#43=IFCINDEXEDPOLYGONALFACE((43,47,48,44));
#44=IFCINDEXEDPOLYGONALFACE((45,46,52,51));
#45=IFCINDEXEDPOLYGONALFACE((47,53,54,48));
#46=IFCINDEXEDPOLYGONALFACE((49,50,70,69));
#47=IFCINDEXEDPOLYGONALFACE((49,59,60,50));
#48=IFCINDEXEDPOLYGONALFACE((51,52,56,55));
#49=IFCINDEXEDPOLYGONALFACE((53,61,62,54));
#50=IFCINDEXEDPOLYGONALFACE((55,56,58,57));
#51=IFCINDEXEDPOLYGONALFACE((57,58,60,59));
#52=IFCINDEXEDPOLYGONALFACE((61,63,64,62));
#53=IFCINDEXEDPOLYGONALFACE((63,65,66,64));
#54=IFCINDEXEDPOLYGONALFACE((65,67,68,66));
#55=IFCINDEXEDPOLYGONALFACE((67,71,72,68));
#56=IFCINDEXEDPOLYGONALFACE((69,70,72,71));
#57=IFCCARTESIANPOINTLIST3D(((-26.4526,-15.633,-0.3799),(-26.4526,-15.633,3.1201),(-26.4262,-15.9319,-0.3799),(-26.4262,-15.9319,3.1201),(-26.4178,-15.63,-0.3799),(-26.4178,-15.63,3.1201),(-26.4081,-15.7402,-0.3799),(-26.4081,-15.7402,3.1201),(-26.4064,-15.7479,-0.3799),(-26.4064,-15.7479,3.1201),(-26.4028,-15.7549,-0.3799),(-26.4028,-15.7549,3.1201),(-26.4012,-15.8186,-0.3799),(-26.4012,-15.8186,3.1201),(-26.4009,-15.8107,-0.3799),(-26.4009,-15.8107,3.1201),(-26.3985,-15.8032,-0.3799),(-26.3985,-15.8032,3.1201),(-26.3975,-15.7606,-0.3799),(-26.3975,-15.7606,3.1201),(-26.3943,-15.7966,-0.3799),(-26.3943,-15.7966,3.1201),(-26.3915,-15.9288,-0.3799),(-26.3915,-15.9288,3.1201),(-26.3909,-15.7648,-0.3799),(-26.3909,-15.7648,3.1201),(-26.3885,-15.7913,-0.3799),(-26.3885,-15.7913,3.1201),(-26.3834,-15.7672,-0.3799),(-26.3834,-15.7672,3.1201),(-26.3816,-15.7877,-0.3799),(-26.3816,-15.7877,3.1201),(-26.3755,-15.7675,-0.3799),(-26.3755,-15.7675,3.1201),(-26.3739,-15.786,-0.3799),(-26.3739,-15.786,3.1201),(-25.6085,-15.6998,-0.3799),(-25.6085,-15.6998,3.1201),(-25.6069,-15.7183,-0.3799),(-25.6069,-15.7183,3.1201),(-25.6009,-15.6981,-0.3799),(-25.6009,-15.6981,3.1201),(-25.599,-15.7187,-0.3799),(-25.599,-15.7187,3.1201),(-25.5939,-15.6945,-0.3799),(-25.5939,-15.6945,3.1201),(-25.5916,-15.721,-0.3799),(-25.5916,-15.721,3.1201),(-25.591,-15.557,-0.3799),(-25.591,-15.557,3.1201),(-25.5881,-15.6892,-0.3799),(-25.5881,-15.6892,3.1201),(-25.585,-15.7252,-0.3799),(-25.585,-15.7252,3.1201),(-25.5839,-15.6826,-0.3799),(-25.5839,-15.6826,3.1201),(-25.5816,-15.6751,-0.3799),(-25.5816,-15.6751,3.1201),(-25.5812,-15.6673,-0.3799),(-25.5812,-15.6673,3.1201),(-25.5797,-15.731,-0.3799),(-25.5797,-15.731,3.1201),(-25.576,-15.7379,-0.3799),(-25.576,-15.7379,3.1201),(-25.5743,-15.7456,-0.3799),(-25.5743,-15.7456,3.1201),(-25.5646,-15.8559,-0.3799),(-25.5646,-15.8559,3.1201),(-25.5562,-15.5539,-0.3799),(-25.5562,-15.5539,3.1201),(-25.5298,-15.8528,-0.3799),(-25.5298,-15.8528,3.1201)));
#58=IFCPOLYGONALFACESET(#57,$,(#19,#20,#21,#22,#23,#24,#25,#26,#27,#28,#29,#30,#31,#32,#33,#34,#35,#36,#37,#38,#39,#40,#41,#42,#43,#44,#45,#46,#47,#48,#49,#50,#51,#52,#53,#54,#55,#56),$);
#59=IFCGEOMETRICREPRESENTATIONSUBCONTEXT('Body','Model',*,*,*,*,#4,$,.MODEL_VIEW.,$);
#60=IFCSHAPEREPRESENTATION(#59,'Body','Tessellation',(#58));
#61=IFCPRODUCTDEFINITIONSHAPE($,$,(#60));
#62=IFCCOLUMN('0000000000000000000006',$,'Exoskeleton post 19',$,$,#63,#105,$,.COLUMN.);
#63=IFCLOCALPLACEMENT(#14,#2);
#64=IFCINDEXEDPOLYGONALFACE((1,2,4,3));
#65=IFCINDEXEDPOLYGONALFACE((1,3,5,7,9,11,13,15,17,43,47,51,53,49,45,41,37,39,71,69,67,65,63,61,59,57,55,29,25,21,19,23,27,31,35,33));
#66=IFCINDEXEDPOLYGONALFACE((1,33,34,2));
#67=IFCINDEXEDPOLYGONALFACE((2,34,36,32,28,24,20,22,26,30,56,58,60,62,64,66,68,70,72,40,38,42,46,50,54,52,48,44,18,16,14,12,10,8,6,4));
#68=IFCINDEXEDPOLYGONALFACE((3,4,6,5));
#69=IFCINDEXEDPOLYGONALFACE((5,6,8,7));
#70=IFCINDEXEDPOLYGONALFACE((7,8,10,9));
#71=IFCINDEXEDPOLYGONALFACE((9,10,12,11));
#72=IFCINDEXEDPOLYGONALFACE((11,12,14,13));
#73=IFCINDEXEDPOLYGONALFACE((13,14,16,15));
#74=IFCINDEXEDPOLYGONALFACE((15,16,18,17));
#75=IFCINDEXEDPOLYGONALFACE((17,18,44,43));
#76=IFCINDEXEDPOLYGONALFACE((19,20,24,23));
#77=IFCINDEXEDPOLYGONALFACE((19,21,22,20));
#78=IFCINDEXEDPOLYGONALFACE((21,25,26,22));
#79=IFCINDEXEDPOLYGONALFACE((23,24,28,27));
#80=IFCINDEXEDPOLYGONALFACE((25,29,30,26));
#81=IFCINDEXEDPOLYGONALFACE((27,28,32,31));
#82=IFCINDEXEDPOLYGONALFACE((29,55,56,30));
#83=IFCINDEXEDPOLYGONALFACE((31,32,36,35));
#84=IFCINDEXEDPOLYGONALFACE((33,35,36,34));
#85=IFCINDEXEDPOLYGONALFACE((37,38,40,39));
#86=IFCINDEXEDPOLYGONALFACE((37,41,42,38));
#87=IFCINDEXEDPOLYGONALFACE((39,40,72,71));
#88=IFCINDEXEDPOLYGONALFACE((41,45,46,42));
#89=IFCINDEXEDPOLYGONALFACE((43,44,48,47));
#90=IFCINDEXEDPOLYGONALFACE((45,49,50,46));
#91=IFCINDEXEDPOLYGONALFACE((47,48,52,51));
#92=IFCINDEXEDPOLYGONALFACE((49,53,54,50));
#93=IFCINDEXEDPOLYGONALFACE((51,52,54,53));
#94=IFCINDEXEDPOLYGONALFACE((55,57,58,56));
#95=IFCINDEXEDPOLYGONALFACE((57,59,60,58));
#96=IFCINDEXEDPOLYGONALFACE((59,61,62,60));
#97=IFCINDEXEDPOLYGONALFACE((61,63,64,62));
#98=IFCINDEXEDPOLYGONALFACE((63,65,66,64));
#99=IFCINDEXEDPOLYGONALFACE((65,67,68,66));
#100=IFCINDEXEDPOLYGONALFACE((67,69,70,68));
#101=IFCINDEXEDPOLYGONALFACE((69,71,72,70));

--------------------

EXERCISE DETAILS = All records above are to be printed exactly, with nothing omitted.

WRITTEN SOLUTION =
#43=IFCINDEXEDPOLYGONALFACE((43,47,48,44));
#44=IFCINDEXEDPOLYGONALFACE((45,46,52,51));
#45=IFCINDEXEDPOLYGONALFACE((47,53,54,48));
#46=IFCINDEXEDPOLYGONALFACE((49,50,70,69));
#47=IFCINDEXEDPOLYGONALFACE((49,59,60,50));
#48=IFCINDEXEDPOLYGONALFACE((51,52,56,55));
#49=IFCINDEXEDPOLYGONALFACE((53,61,62,54));
#50=IFCINDEXEDPOLYGONALFACE((55,56,58,57));
#51=IFCINDEXEDPOLYGONALFACE((57,58,60,59));
#52=IFCINDEXEDPOLYGONALFACE((61,63,64,62));
#53=IFCINDEXEDPOLYGONALFACE((63,65,66,64));
#54=IFCINDEXEDPOLYGONALFACE((65,67,68,66));
#55=IFCINDEXEDPOLYGONALFACE((67,71,72,68));
#56=IFCINDEXEDPOLYGONALFACE((69,70,72,71));
#57=IFCCARTESIANPOINTLIST3D(((-26.4526,-15.633,-0.3799),(-26.4526,-15.633,3.1201),(-26.4262,-15.9319,-0.3799),(-26.4262,-15.9319,3.1201),(-26.4178,-15.63,-0.3799),(-26.4178,-15.63,3.1201),(-26.4081,-15.7402,-0.3799),(-26.4081,-15.7402,3.1201),(-26.4064,-15.7479,-0.3799),(-26.4064,-15.7479,3.1201),(-26.4028,-15.7549,-0.3799),(-26.4028,-15.7549,3.1201),(-26.4012,-15.8186,-0.3799),(-26.4012,-15.8186,3.1201),(-26.4009,-15.8107,-0.3799),(-26.4009,-15.8107,3.1201),(-26.3985,-15.8032,-0.3799),(-26.3985,-15.8032,3.1201),(-26.3975,-15.7606,-0.3799),(-26.3975,-15.7606,3.1201),(-26.3943,-15.7966,-0.3799),(-26.3943,-15.7966,3.1201),(-26.3915,-15.9288,-0.3799),(-26.3915,-15.9288,3.1201),(-26.3909,-15.7648,-0.3799),(-26.3909,-15.7648,3.1201),(-26.3885,-15.7913,-0.3799),(-26.3885,-15.7913,3.1201),(-26.3834,-15.7672,-0.3799),(-26.3834,-15.7672,3.1201),(-26.3816,-15.7877,-0.3799),(-26.3816,-15.7877,3.1201),(-26.3755,-15.7675,-0.3799),(-26.3755,-15.7675,3.1201),(-26.3739,-15.786,-0.3799),(-26.3739,-15.786,3.1201),(-25.6085,-15.6998,-0.3799),(-25.6085,-15.6998,3.1201),(-25.6069,-15.7183,-0.3799),(-25.6069,-15.7183,3.1201),(-25.6009,-15.6981,-0.3799),(-25.6009,-15.6981,3.1201),(-25.599,-15.7187,-0.3799),(-25.599,-15.7187,3.1201),(-25.5939,-15.6945,-0.3799),(-25.5939,-15.6945,3.1201),(-25.5916,-15.721,-0.3799),(-25.5916,-15.721,3.1201),(-25.591,-15.557,-0.3799),(-25.591,-15.557,3.1201),(-25.5881,-15.6892,-0.3799),(-25.5881,-15.6892,3.1201),(-25.585,-15.7252,-0.3799),(-25.585,-15.7252,3.1201),(-25.5839,-15.6826,-0.3799),(-25.5839,-15.6826,3.1201),(-25.5816,-15.6751,-0.3799),(-25.5816,-15.6751,3.1201),(-25.5812,-15.6673,-0.3799),(-25.5812,-15.6673,3.1201),(-25.5797,-15.731,-0.3799),(-25.5797,-15.731,3.1201),(-25.576,-15.7379,-0.3799),(-25.576,-15.7379,3.1201),(-25.5743,-15.7456,-0.3799),(-25.5743,-15.7456,3.1201),(-25.5646,-15.8559,-0.3799),(-25.5646,-15.8559,3.1201),(-25.5562,-15.5539,-0.3799),(-25.5562,-15.5539,3.1201),(-25.5298,-15.8528,-0.3799),(-25.5298,-15.8528,3.1201)));
#58=IFCPOLYGONALFACESET(#57,$,(#19,#20,#21,#22,#23,#24,#25,#26,#27,#28,#29,#30,#31,#32,#33,#34,#35,#36,#37,#38,#39,#40,#41,#42,#43,#44,#45,#46,#47,#48,#49,#50,#51,#52,#53,#54,#55,#56),$);
#59=IFCGEOMETRICREPRESENTATIONSUBCONTEXT('Body','Model',*,*,*,*,#4,$,.MODEL_VIEW.,$);
#60=IFCSHAPEREPRESENTATION(#59,'Body','Tessellation',(#58));
#61=IFCPRODUCTDEFINITIONSHAPE($,$,(#60));
#62=IFCCOLUMN('0000000000000000000006',$,'Exoskeleton post 19',$,$,#63,#105,$,.COLUMN.);
#63=IFCLOCALPLACEMENT(#14,#2);
#64=IFCINDEXEDPOLYGONALFACE((1,2,4,3));
#65=IFCINDEXEDPOLYGONALFACE((1,3,5,7,9,11,13,15,17,43,47,51,53,49,45,41,37,39,71,69,67,65,63,61,59,57,55,29,25,21,19,23,27,31,35,33));
#66=IFCINDEXEDPOLYGONALFACE((1,33,34,2));
#67=IFCINDEXEDPOLYGONALFACE((2,34,36,32,28,24,20,22,26,30,56,58,60,62,64,66,68,70,72,40,38,42,46,50,54,52,48,44,18,16,14,12,10,8,6,4));
#68=IFCINDEXEDPOLYGONALFACE((3,4,6,5));
#69=IFCINDEXEDPOLYGONALFACE((5,6,8,7));
#70=IFCINDEXEDPOLYGONALFACE((7,8,10,9));
#71=IFCINDEXEDPOLYGONALFACE((9,10,12,11));
#72=IFCINDEXEDPOLYGONALFACE((11,12,14,13));
#73=IFCINDEXEDPOLYGONALFACE((13,14,16,15));
#74=IFCINDEXEDPOLYGONALFACE((15,16,18,17));
#75=IFCINDEXEDPOLYGONALFACE((17,18,44,43));
#76=IFCINDEXEDPOLYGONALFACE((19,20,24,23));
#77=IFCINDEXEDPOLYGONALFACE((19,21,22,20));
#78=IFCINDEXEDPOLYGONALFACE((21,25,26,22));
#79=IFCINDEXEDPOLYGONALFACE((23,24,28,27));
#80=IFCINDEXEDPOLYGONALFACE((25,29,30,26));
#81=IFCINDEXEDPOLYGONALFACE((27,28,32,31));
#82=IFCINDEXEDPOLYGONALFACE((29,55,56,30));
#83=IFCINDEXEDPOLYGONALFACE((31,32,36,35));
#84=IFCINDEXEDPOLYGONALFACE((33,35,36,34));
#85=IFCINDEXEDPOLYGONALFACE((37,38,40,39));
#86=IFCINDEXEDPOLYGONALFACE((37,41,42,38));
#87=IFCINDEXEDPOLYGONALFACE((39,40,72,71));
#88=IFCINDEXEDPOLYGONALFACE((41,45,46,42));
#89=IFCINDEXEDPOLYGONALFACE((43,44,48,47));
#90=IFCINDEXEDPOLYGONALFACE((45,49,50,46));
#91=IFCINDEXEDPOLYGONALFACE((47,48,52,51));
#92=IFCINDEXEDPOLYGONALFACE((49,53,54,50));
#93=IFCINDEXEDPOLYGONALFACE((51,52,54,53));
#94=IFCINDEXEDPOLYGONALFACE((55,57,58,56));
#95=IFCINDEXEDPOLYGONALFACE((57,59,60,58));
#96=IFCINDEXEDPOLYGONALFACE((59,61,62,60));
#97=IFCINDEXEDPOLYGONALFACE((61,63,64,62));
#98=IFCINDEXEDPOLYGONALFACE((63,65,66,64));
#99=IFCINDEXEDPOLYGONALFACE((65,67,68,66));
#100=IFCINDEXEDPOLYGONALFACE((67,69,70,68));
#101=IFCINDEXEDPOLYGONALFACE((69,71,72,70));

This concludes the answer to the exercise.